(What the task requires): Take the data below and copy exactly the lines starting at the one with "#48=IFCINDEXEDPOLYGONALFACE((7,8,12,11));" and finishing at the one with "#56=IFCINDEXEDPOLYGONALFACE((23,24,28,27));", both included.
··· Available data
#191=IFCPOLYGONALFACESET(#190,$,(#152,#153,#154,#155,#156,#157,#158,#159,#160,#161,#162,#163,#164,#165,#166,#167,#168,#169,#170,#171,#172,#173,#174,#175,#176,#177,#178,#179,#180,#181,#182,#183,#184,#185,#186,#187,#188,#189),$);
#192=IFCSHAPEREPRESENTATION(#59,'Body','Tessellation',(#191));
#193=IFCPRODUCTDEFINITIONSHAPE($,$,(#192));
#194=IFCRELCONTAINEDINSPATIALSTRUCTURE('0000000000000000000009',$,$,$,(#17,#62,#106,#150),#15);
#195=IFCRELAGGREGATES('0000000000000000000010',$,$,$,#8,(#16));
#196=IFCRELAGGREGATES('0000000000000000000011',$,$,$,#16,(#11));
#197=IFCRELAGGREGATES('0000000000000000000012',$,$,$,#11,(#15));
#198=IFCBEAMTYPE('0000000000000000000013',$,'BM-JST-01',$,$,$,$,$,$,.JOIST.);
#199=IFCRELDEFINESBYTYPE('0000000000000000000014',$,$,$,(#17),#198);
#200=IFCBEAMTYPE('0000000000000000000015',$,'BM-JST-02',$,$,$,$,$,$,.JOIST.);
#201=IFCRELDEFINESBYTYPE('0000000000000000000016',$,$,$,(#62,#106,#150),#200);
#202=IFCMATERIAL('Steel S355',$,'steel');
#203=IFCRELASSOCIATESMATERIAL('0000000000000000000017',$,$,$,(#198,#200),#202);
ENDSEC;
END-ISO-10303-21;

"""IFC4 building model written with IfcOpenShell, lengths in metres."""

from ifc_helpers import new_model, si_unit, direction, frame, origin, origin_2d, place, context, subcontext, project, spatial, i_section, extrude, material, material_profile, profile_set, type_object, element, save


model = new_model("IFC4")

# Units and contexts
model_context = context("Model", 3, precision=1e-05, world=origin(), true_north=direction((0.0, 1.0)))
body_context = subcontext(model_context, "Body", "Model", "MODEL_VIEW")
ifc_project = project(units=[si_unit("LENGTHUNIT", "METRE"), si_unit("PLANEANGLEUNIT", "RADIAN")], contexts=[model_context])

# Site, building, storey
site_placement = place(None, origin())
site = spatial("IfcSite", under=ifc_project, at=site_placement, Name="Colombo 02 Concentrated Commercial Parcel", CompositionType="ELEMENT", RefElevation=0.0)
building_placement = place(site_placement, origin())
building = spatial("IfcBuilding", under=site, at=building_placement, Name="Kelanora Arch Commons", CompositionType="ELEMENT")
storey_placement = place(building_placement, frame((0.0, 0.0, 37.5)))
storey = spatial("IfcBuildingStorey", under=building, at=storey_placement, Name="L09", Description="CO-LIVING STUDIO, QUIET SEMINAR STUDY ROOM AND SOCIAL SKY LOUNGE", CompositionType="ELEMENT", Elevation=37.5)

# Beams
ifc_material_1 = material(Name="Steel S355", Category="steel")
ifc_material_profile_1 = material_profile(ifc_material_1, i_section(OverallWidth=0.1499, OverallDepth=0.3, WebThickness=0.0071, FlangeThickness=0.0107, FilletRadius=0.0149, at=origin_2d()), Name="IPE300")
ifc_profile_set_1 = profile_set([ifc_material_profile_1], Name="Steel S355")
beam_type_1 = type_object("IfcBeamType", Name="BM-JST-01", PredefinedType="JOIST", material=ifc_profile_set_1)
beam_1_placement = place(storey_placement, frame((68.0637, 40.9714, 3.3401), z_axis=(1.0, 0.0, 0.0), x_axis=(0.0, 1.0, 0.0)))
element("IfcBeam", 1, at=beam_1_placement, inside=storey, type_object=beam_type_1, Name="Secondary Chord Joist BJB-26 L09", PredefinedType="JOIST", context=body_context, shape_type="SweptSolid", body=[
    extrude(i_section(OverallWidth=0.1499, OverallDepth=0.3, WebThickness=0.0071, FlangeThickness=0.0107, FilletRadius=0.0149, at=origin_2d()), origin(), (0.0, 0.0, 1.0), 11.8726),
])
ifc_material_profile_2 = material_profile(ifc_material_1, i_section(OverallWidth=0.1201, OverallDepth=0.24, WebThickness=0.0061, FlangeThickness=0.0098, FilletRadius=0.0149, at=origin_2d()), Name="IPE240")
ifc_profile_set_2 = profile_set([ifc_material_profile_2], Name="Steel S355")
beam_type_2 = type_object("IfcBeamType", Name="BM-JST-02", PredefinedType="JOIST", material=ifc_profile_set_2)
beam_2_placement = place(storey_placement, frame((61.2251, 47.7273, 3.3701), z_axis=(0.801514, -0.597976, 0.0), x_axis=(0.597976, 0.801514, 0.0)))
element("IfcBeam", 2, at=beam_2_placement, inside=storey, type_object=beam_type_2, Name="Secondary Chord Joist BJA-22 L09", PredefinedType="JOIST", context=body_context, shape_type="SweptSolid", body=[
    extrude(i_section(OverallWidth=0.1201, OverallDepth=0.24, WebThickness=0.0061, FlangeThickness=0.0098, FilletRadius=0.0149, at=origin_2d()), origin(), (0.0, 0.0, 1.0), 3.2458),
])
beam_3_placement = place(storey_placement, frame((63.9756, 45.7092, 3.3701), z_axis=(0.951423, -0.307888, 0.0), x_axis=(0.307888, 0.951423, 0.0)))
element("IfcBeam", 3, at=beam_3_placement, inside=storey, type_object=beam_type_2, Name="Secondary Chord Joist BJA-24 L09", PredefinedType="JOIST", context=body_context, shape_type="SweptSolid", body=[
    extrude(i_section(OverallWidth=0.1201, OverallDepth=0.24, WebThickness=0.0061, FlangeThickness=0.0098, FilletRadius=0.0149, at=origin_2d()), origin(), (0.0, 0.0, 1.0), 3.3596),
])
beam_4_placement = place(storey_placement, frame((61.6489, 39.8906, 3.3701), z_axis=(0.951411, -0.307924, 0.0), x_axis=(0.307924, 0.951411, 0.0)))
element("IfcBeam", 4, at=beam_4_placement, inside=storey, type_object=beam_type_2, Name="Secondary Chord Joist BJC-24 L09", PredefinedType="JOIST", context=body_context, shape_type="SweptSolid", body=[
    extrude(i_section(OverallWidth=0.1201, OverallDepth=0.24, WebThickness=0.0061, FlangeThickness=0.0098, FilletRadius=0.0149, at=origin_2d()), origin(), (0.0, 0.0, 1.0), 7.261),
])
······
··· Available data
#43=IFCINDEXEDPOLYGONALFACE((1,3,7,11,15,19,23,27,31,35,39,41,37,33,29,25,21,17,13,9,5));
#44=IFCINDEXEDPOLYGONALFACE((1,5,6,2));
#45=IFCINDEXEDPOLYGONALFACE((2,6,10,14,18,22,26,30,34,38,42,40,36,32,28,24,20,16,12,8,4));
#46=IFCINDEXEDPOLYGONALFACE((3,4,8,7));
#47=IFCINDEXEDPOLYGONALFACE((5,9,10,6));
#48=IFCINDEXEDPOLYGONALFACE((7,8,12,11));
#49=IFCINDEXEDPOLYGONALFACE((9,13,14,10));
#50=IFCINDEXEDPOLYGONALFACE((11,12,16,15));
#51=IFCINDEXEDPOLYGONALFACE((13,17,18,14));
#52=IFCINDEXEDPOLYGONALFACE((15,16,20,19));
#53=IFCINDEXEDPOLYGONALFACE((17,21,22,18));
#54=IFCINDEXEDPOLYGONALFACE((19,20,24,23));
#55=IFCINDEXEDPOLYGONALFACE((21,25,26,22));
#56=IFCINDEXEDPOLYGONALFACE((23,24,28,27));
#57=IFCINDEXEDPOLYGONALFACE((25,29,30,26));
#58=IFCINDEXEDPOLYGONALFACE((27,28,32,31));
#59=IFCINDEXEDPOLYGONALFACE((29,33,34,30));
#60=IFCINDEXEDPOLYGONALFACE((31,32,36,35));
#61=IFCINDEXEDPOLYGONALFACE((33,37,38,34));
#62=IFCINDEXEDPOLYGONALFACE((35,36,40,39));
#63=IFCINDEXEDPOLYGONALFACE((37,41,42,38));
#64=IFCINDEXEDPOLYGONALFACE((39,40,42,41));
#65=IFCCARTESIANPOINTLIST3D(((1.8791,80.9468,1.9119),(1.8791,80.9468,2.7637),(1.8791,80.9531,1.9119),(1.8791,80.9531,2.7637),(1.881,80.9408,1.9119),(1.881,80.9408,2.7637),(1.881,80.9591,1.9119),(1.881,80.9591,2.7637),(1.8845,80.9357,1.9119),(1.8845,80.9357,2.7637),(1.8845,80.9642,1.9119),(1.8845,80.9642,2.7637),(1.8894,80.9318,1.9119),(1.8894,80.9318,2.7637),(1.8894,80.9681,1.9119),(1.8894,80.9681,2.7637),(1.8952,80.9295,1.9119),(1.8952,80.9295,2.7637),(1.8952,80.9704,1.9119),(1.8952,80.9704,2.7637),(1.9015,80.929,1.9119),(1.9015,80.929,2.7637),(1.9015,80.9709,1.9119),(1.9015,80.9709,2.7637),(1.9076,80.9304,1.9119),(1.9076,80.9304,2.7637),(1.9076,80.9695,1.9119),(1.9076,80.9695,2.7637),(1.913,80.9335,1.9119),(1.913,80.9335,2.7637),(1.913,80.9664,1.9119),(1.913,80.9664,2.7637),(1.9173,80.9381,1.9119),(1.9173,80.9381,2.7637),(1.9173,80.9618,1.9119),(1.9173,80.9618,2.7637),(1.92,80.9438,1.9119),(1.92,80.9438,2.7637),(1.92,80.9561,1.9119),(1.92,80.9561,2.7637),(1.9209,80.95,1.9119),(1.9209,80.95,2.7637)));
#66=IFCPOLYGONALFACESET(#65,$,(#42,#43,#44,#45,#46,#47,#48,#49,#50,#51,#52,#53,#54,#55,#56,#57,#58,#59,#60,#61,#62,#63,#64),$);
······
··· Available data
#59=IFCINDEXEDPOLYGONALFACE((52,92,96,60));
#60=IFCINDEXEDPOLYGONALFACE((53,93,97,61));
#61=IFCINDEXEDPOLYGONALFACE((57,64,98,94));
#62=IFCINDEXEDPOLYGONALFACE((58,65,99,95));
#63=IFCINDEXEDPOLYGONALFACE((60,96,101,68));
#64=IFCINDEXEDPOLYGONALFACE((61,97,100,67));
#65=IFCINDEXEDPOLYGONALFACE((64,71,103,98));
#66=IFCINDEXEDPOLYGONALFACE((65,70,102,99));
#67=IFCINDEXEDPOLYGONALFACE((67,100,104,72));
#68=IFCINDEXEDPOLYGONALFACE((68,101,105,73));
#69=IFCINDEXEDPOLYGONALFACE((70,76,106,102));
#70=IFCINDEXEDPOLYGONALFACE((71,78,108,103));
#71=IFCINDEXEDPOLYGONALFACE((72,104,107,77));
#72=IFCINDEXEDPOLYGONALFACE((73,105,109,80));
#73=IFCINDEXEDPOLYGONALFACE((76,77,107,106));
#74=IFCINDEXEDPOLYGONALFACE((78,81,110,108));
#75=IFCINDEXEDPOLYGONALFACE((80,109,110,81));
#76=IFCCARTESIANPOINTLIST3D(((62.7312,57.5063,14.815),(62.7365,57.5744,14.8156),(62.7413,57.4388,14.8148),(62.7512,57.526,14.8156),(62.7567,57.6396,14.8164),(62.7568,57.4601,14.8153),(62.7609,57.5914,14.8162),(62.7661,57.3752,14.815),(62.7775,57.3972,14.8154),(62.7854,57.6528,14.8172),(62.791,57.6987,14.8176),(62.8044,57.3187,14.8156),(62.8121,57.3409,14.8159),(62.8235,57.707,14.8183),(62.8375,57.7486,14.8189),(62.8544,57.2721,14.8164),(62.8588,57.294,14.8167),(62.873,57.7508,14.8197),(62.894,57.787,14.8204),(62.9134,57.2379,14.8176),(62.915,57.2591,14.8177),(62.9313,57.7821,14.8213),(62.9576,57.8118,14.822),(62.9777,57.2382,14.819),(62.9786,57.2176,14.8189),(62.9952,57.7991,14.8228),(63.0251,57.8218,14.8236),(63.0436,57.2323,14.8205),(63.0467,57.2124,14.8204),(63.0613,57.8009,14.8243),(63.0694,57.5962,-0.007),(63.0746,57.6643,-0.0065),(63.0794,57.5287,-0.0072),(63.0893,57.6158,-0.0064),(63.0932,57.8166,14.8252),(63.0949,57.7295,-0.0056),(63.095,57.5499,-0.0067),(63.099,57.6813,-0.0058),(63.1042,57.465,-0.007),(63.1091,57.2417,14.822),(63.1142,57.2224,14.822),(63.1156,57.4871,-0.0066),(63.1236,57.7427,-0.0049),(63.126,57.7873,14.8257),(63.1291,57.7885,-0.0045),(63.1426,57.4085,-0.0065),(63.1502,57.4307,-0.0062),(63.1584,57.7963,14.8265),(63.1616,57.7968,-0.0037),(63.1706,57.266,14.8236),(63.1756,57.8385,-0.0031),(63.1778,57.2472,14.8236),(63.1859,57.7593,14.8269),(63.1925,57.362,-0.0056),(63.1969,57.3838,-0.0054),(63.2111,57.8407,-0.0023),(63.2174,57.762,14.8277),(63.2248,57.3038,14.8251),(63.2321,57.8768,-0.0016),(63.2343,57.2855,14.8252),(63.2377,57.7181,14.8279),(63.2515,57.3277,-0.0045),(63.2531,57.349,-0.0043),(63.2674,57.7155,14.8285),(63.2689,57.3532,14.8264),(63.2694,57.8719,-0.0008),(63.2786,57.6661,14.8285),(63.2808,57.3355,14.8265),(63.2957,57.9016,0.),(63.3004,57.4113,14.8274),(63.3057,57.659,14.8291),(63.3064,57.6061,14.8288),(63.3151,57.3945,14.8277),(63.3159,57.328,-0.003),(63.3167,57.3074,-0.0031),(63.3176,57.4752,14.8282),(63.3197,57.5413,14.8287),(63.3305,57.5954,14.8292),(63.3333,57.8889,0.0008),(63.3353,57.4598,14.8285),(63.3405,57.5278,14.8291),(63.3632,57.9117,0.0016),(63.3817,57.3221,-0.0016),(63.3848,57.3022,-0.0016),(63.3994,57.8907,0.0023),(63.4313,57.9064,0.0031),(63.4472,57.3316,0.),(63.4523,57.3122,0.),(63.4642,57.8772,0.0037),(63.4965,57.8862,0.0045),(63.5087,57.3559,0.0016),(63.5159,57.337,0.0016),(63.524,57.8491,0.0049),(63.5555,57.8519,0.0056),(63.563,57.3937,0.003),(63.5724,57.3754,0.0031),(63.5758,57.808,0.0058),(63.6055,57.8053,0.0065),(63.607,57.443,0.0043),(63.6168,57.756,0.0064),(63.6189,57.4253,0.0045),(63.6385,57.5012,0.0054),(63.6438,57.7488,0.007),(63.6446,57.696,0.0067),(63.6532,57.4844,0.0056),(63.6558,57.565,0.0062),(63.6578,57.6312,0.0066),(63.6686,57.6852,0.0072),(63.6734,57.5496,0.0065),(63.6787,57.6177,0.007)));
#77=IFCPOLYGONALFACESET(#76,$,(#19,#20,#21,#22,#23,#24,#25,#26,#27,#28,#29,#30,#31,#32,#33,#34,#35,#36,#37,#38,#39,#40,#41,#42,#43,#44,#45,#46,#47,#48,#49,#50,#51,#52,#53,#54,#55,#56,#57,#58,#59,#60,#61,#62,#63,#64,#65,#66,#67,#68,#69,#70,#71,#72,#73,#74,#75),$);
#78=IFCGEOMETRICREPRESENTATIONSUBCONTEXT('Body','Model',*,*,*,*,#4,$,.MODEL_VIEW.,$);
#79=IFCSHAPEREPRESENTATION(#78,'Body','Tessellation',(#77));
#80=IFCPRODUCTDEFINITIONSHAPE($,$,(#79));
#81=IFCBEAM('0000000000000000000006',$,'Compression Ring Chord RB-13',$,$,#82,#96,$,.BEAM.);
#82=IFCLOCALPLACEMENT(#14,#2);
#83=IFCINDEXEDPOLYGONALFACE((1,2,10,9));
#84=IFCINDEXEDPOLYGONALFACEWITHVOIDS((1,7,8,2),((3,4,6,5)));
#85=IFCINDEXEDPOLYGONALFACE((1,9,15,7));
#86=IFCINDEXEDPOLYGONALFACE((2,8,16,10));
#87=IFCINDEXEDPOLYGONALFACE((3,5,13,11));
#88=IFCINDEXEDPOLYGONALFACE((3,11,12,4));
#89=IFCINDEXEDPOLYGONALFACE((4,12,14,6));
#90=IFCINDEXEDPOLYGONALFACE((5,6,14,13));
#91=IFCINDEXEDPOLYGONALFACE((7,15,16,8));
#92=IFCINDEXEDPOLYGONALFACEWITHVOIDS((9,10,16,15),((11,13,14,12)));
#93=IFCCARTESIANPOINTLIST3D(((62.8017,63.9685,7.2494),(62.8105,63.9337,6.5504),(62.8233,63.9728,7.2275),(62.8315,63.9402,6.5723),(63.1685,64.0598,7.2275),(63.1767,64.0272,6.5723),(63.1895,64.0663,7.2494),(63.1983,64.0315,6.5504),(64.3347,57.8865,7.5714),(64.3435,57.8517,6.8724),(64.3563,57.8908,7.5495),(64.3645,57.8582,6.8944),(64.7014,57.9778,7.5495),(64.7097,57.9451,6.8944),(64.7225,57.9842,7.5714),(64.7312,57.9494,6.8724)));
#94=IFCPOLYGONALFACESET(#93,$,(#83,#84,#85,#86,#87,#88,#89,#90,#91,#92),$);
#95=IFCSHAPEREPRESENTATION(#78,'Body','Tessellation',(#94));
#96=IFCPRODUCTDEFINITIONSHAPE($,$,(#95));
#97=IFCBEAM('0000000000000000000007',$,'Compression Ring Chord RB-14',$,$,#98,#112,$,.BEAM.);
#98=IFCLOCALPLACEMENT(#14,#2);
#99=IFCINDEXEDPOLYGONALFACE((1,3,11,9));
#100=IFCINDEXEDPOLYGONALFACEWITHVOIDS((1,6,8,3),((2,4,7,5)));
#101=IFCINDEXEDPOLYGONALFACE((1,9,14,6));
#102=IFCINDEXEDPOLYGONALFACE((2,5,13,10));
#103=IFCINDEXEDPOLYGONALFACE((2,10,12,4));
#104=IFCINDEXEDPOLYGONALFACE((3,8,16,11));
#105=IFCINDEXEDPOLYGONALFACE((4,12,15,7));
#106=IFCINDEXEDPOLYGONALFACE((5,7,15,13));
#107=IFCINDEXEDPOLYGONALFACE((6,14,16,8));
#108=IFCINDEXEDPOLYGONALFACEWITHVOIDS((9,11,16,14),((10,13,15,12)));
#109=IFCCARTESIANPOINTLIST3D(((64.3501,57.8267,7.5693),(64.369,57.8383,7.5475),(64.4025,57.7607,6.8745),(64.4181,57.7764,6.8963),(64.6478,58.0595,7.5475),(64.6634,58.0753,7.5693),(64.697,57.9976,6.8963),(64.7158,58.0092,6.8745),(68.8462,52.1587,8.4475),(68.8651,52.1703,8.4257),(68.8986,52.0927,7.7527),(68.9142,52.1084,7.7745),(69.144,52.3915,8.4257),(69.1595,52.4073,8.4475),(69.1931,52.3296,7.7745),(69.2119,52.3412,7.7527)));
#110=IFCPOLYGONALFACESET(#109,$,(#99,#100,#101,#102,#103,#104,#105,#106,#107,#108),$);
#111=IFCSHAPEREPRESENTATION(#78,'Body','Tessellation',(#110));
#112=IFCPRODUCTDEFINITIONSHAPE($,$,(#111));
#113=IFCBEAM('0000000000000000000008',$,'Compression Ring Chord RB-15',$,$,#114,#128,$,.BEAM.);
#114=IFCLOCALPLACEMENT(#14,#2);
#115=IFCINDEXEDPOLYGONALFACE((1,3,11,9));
······
(Exercise result):
#48=IFCINDEXEDPOLYGONALFACE((7,8,12,11));
#49=IFCINDEXEDPOLYGONALFACE((9,13,14,10));
#50=IFCINDEXEDPOLYGONALFACE((11,12,16,15));
#51=IFCINDEXEDPOLYGONALFACE((13,17,18,14));
#52=IFCINDEXEDPOLYGONALFACE((15,16,20,19));
#53=IFCINDEXEDPOLYGONALFACE((17,21,22,18));
#54=IFCINDEXEDPOLYGONALFACE((19,20,24,23));
#55=IFCINDEXEDPOLYGONALFACE((21,25,26,22));
#56=IFCINDEXEDPOLYGONALFACE((23,24,28,27));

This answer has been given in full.